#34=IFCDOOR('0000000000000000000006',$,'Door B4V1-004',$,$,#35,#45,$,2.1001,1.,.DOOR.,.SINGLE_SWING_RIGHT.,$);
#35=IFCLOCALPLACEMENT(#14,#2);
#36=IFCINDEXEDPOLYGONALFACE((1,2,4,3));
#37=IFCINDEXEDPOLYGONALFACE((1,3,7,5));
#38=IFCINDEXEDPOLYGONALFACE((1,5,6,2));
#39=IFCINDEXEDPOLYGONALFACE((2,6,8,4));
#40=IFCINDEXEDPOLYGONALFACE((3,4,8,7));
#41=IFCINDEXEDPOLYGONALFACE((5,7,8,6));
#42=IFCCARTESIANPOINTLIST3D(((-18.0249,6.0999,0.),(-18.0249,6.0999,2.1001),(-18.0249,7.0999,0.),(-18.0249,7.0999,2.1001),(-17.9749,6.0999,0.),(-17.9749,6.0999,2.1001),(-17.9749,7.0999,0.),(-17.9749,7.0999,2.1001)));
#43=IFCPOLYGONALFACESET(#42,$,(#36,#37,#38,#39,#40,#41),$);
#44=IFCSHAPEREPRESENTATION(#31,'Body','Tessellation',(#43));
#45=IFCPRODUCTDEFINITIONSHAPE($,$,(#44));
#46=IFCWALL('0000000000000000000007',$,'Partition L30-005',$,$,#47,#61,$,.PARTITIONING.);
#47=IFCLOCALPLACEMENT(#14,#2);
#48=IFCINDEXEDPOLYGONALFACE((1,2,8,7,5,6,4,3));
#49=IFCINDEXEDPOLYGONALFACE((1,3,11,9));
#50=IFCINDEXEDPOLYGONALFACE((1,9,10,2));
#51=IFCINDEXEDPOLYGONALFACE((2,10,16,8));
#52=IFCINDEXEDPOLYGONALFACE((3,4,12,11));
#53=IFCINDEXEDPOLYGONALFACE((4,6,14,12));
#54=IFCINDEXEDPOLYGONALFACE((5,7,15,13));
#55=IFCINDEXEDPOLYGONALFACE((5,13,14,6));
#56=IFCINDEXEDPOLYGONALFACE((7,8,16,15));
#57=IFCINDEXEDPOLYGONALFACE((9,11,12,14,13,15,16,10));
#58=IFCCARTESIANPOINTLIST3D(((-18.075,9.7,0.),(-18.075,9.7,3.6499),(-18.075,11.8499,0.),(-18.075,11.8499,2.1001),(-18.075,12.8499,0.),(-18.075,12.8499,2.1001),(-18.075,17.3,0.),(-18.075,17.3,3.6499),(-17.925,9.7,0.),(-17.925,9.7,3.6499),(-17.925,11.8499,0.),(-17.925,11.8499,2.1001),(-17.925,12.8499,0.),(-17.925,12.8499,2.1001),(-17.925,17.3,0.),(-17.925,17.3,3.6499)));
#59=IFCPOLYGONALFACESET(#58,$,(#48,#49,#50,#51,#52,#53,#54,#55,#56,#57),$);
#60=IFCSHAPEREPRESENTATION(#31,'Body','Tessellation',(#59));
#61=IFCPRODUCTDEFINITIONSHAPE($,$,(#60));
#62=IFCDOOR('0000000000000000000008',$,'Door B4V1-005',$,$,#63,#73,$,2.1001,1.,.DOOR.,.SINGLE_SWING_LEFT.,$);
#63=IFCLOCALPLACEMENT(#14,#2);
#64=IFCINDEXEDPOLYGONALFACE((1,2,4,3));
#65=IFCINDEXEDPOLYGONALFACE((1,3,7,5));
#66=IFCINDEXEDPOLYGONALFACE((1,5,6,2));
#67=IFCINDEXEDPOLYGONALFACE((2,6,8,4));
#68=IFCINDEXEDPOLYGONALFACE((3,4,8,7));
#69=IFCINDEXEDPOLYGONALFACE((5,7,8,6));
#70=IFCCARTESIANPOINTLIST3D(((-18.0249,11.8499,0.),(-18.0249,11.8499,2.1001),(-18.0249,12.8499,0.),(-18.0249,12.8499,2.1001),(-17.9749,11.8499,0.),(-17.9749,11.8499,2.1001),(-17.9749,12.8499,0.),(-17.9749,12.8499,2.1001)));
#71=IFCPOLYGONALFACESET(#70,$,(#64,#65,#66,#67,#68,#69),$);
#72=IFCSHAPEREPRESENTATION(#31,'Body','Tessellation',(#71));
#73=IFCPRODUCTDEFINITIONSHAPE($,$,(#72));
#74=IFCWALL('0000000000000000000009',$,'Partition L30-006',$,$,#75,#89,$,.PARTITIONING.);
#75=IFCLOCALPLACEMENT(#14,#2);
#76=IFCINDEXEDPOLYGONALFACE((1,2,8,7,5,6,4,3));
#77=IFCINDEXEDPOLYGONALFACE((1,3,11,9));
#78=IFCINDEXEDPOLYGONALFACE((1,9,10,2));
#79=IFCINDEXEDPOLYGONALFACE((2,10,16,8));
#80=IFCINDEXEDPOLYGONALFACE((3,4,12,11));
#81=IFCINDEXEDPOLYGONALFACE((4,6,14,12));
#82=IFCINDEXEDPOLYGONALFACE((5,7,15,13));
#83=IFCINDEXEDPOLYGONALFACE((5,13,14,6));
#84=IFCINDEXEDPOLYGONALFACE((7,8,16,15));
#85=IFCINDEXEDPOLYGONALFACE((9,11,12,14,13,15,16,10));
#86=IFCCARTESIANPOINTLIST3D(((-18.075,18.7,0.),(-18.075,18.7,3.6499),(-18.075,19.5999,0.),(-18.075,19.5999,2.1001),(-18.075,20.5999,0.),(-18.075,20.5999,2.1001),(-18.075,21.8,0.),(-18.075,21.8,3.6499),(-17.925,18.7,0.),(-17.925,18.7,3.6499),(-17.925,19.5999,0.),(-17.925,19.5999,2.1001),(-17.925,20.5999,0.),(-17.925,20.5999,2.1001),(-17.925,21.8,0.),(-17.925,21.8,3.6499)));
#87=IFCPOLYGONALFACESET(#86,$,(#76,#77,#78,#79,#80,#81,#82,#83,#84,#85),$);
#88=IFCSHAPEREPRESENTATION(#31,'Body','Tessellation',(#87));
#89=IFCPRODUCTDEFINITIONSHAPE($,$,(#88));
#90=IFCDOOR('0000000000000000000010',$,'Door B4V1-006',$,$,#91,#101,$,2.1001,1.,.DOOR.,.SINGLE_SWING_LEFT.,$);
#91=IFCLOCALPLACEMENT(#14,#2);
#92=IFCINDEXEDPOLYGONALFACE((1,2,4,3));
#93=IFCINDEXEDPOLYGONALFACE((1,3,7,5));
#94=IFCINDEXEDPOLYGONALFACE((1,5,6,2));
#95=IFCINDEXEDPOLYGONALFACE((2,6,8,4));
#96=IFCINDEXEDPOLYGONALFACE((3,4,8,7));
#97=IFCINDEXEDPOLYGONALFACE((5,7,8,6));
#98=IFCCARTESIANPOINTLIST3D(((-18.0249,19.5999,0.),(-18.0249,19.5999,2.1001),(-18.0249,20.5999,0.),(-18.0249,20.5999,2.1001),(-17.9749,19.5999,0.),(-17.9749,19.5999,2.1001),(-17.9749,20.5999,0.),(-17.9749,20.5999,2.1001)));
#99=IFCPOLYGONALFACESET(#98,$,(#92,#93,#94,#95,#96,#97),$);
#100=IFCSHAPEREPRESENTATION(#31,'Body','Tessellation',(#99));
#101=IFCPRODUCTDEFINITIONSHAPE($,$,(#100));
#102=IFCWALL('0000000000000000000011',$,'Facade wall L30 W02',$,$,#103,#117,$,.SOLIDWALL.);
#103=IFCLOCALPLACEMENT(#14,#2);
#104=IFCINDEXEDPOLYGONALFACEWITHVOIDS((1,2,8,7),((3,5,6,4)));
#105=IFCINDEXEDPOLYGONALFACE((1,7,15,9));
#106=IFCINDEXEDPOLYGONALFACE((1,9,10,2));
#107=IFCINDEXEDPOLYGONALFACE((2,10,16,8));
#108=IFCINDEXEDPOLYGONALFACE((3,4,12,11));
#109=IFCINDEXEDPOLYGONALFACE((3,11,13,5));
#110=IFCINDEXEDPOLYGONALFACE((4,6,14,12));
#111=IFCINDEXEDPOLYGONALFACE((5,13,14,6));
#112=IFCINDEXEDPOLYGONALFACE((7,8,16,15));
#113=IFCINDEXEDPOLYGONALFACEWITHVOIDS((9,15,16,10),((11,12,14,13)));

• _Problem description_:
In the records above, find the line with "#81=IFCINDEXEDPOLYGONALFACE((4,6,14,12));"; write out exactly that line and each one after it, stopping after the line with "#93=IFCINDEXEDPOLYGONALFACE((1,3,7,5));".

• _Exercise response_:
#81=IFCINDEXEDPOLYGONALFACE((4,6,14,12));
#82=IFCINDEXEDPOLYGONALFACE((5,7,15,13));
#83=IFCINDEXEDPOLYGONALFACE((5,13,14,6));
#84=IFCINDEXEDPOLYGONALFACE((7,8,16,15));
#85=IFCINDEXEDPOLYGONALFACE((9,11,12,14,13,15,16,10));
#86=IFCCARTESIANPOINTLIST3D(((-18.075,18.7,0.),(-18.075,18.7,3.6499),(-18.075,19.5999,0.),(-18.075,19.5999,2.1001),(-18.075,20.5999,0.),(-18.075,20.5999,2.1001),(-18.075,21.8,0.),(-18.075,21.8,3.6499),(-17.925,18.7,0.),(-17.925,18.7,3.6499),(-17.925,19.5999,0.),(-17.925,19.5999,2.1001),(-17.925,20.5999,0.),(-17.925,20.5999,2.1001),(-17.925,21.8,0.),(-17.925,21.8,3.6499)));
#87=IFCPOLYGONALFACESET(#86,$,(#76,#77,#78,#79,#80,#81,#82,#83,#84,#85),$);
#88=IFCSHAPEREPRESENTATION(#31,'Body','Tessellation',(#87));
#89=IFCPRODUCTDEFINITIONSHAPE($,$,(#88));
#90=IFCDOOR('0000000000000000000010',$,'Door B4V1-006',$,$,#91,#101,$,2.1001,1.,.DOOR.,.SINGLE_SWING_LEFT.,$);
#91=IFCLOCALPLACEMENT(#14,#2);
#92=IFCINDEXEDPOLYGONALFACE((1,2,4,3));
#93=IFCINDEXEDPOLYGONALFACE((1,3,7,5));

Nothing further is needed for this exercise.